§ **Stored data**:
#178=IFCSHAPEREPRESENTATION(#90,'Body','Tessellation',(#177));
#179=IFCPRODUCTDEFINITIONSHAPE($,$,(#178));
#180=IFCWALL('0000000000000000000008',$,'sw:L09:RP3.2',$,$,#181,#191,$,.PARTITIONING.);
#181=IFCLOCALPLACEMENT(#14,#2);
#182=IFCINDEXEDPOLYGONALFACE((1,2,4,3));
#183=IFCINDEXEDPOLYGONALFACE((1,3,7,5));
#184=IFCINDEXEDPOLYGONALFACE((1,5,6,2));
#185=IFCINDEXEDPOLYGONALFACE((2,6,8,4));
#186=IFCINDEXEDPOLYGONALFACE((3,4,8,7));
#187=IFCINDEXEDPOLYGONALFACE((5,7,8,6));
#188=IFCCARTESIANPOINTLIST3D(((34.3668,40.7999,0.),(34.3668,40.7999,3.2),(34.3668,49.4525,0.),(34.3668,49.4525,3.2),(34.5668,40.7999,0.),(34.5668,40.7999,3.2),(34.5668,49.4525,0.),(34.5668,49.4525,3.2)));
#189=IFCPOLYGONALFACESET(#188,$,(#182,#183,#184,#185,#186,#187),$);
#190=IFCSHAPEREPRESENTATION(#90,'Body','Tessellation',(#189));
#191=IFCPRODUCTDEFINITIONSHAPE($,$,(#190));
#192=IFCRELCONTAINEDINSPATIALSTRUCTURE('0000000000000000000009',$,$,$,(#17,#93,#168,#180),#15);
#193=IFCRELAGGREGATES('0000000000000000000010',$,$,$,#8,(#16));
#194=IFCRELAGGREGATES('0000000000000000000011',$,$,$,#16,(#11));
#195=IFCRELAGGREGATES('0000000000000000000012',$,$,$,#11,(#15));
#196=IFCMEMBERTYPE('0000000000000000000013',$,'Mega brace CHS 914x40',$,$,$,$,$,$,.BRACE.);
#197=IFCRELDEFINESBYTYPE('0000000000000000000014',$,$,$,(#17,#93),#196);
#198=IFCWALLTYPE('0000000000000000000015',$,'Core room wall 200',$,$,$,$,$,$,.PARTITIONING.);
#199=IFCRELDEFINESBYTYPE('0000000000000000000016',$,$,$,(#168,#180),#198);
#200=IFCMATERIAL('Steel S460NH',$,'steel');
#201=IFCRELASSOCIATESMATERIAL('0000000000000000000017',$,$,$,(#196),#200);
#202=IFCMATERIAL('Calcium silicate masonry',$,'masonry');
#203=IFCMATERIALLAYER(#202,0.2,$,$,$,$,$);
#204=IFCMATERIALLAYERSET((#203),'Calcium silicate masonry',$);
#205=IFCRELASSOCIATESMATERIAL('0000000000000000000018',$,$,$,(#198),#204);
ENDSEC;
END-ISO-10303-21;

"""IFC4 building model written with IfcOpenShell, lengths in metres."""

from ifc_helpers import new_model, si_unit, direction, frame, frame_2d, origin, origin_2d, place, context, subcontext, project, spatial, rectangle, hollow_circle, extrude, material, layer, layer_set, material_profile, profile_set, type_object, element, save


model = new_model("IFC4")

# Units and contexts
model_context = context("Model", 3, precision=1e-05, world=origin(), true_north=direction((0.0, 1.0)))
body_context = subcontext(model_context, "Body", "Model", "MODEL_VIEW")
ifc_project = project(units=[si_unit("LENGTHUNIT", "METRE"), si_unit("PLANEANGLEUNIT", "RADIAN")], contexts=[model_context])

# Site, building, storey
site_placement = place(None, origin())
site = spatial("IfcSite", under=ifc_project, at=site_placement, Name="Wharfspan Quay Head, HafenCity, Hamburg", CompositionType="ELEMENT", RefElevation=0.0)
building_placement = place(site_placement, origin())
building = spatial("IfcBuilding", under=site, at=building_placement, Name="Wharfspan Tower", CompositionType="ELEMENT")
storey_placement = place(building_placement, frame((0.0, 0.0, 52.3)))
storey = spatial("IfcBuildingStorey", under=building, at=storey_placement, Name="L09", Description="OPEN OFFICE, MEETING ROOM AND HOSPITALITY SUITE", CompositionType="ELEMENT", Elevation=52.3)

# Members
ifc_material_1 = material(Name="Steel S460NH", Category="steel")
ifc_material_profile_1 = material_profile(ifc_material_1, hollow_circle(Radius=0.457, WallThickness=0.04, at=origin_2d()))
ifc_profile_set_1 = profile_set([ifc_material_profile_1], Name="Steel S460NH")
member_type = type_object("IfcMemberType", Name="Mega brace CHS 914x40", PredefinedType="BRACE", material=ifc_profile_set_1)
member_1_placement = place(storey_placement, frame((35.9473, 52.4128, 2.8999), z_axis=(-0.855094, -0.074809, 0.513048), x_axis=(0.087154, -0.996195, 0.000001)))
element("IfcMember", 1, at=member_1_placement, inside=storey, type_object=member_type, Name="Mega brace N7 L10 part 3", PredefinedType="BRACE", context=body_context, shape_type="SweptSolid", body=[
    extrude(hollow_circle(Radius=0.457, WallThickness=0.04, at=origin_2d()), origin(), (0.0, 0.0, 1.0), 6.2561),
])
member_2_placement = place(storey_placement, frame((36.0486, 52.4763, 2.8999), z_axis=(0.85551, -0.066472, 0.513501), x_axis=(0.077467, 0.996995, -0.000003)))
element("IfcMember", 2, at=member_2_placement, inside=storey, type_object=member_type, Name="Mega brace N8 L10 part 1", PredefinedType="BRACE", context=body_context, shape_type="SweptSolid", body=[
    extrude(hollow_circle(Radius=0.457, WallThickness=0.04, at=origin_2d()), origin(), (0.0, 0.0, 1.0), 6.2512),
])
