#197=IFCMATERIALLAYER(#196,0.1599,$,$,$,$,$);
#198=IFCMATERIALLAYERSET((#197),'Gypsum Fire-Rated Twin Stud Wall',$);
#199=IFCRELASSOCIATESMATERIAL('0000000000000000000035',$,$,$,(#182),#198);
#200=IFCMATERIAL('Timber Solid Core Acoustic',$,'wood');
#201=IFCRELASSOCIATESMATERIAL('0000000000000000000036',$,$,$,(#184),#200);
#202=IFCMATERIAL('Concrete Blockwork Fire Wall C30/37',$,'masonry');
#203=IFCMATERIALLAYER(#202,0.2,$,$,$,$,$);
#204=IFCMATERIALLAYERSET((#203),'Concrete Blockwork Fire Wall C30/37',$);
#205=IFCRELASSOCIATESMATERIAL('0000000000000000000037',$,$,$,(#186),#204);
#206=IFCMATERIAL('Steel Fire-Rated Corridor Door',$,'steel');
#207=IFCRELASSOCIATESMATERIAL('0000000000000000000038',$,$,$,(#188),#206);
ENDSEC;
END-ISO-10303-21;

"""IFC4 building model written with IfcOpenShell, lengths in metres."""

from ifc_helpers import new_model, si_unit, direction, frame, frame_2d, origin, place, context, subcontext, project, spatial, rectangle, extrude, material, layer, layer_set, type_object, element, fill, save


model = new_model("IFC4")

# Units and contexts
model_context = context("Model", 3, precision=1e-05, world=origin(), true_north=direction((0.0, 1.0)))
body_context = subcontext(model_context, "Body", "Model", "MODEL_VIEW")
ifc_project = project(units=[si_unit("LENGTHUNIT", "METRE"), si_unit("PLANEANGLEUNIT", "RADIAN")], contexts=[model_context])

§ **The problem**:
Which lines above include the word "Fire"? Return each one.

§ **Solved problem**:
#198=IFCMATERIALLAYERSET((#197),'Gypsum Fire-Rated Twin Stud Wall',$);
#202=IFCMATERIAL('Concrete Blockwork Fire Wall C30/37',$,'masonry');
#204=IFCMATERIALLAYERSET((#203),'Concrete Blockwork Fire Wall C30/37',$);
#206=IFCMATERIAL('Steel Fire-Rated Corridor Door',$,'steel');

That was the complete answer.